What is expected:
Only the lines of the data below from the one with "#180=IFCMATERIAL('Concrete C40/50',$,'concrete');" through the one with "#192=IFCMATERIALLAYERSET((#191),'Concrete C40/50',$);" are wanted. Repeat them exactly.
##############################
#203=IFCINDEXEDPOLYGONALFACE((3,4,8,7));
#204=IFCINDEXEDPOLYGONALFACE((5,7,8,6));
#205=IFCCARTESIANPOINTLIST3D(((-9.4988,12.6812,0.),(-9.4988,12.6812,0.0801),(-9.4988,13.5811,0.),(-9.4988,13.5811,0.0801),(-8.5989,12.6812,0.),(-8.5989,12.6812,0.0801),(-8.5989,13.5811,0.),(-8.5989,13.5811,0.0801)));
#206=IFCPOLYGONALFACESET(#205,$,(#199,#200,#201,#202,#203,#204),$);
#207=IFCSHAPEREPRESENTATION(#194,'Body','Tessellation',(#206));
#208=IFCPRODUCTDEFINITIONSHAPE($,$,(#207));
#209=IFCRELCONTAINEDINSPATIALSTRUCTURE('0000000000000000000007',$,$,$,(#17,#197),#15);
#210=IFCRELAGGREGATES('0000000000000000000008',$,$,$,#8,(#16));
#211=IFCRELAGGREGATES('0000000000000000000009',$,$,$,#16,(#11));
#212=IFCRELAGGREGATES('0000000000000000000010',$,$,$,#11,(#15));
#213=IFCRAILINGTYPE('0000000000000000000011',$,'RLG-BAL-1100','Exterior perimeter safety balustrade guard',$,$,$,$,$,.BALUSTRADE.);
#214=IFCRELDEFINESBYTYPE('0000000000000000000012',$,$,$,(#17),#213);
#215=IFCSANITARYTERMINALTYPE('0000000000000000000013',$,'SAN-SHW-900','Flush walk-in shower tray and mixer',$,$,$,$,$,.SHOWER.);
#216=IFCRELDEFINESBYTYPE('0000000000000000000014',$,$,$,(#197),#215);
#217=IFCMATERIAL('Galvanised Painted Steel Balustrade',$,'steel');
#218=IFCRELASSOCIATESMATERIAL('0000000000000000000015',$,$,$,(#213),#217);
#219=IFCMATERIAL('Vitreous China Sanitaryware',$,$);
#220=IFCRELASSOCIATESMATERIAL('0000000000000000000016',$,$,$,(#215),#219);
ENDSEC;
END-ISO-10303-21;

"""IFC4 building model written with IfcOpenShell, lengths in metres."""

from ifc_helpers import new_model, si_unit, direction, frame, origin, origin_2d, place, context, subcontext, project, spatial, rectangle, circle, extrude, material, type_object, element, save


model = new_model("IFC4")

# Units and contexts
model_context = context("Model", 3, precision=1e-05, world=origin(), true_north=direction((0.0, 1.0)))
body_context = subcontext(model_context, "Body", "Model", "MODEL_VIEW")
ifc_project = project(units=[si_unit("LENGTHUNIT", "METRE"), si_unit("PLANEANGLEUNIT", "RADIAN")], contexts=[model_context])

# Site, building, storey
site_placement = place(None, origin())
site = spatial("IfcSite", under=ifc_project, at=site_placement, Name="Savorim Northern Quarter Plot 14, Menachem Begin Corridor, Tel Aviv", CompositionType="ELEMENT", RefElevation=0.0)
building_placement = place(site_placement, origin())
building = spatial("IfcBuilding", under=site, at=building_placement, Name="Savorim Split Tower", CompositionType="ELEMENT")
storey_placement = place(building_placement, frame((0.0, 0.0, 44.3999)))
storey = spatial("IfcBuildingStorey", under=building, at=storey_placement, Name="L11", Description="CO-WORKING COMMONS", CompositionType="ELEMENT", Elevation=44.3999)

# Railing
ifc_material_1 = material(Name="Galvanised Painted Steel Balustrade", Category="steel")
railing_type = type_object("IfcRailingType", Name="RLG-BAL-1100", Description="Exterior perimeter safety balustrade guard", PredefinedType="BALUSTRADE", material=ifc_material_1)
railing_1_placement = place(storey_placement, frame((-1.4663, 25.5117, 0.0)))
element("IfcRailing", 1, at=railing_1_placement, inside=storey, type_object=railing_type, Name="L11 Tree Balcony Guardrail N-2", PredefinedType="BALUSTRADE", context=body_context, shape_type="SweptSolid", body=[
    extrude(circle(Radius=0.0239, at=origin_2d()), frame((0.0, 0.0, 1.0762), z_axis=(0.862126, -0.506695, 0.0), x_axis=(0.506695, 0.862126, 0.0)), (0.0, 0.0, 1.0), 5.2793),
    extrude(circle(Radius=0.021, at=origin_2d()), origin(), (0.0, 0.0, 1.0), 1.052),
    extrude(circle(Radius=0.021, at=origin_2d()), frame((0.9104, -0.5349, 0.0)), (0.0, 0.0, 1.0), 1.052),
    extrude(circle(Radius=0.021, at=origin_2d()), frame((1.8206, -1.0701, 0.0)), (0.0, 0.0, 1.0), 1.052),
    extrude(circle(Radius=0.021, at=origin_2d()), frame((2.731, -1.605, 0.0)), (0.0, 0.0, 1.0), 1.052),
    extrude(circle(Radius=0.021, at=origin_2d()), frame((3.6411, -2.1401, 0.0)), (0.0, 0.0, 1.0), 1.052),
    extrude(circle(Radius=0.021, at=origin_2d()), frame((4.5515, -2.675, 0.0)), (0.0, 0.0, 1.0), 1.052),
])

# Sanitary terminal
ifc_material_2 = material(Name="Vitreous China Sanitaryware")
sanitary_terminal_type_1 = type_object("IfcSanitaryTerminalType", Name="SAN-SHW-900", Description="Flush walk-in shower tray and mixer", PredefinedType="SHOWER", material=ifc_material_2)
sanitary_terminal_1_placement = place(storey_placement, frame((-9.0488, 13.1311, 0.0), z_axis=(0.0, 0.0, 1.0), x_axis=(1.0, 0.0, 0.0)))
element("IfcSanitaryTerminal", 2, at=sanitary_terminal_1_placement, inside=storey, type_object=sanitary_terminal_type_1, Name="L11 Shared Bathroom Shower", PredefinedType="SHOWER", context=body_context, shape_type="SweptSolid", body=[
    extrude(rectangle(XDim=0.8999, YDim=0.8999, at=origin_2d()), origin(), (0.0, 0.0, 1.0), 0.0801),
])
##############################
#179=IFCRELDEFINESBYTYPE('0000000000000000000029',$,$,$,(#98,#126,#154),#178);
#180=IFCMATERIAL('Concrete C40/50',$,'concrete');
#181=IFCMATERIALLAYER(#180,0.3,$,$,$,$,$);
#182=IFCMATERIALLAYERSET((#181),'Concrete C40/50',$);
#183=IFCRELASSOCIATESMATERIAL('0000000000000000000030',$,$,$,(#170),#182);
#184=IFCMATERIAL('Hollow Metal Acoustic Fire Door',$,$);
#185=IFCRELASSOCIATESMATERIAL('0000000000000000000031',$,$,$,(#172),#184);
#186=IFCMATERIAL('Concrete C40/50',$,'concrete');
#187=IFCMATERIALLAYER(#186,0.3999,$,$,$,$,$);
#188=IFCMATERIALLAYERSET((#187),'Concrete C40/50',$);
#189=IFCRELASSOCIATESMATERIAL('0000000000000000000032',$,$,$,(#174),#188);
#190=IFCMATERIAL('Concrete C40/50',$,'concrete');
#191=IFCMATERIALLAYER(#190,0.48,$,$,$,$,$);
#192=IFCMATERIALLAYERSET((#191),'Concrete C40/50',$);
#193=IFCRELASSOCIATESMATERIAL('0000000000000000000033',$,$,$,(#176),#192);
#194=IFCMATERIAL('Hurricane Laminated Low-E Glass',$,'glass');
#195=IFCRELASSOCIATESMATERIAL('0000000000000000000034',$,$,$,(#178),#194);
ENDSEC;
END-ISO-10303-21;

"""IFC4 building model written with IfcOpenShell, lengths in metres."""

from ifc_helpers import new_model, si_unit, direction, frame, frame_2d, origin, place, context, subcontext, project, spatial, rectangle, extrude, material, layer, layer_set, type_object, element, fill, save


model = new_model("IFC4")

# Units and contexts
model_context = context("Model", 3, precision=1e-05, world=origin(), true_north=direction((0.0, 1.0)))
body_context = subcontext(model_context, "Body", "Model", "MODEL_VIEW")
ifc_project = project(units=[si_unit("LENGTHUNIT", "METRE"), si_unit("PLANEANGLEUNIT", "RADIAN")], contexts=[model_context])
##############################
Result below:
#180=IFCMATERIAL('Concrete C40/50',$,'concrete');
#181=IFCMATERIALLAYER(#180,0.3,$,$,$,$,$);
#182=IFCMATERIALLAYERSET((#181),'Concrete C40/50',$);
#183=IFCRELASSOCIATESMATERIAL('0000000000000000000030',$,$,$,(#170),#182);
#184=IFCMATERIAL('Hollow Metal Acoustic Fire Door',$,$);
#185=IFCRELASSOCIATESMATERIAL('0000000000000000000031',$,$,$,(#172),#184);
#186=IFCMATERIAL('Concrete C40/50',$,'concrete');
#187=IFCMATERIALLAYER(#186,0.3999,$,$,$,$,$);
#188=IFCMATERIALLAYERSET((#187),'Concrete C40/50',$);
#189=IFCRELASSOCIATESMATERIAL('0000000000000000000032',$,$,$,(#174),#188);
#190=IFCMATERIAL('Concrete C40/50',$,'concrete');
#191=IFCMATERIALLAYER(#190,0.48,$,$,$,$,$);
#192=IFCMATERIALLAYERSET((#191),'Concrete C40/50',$);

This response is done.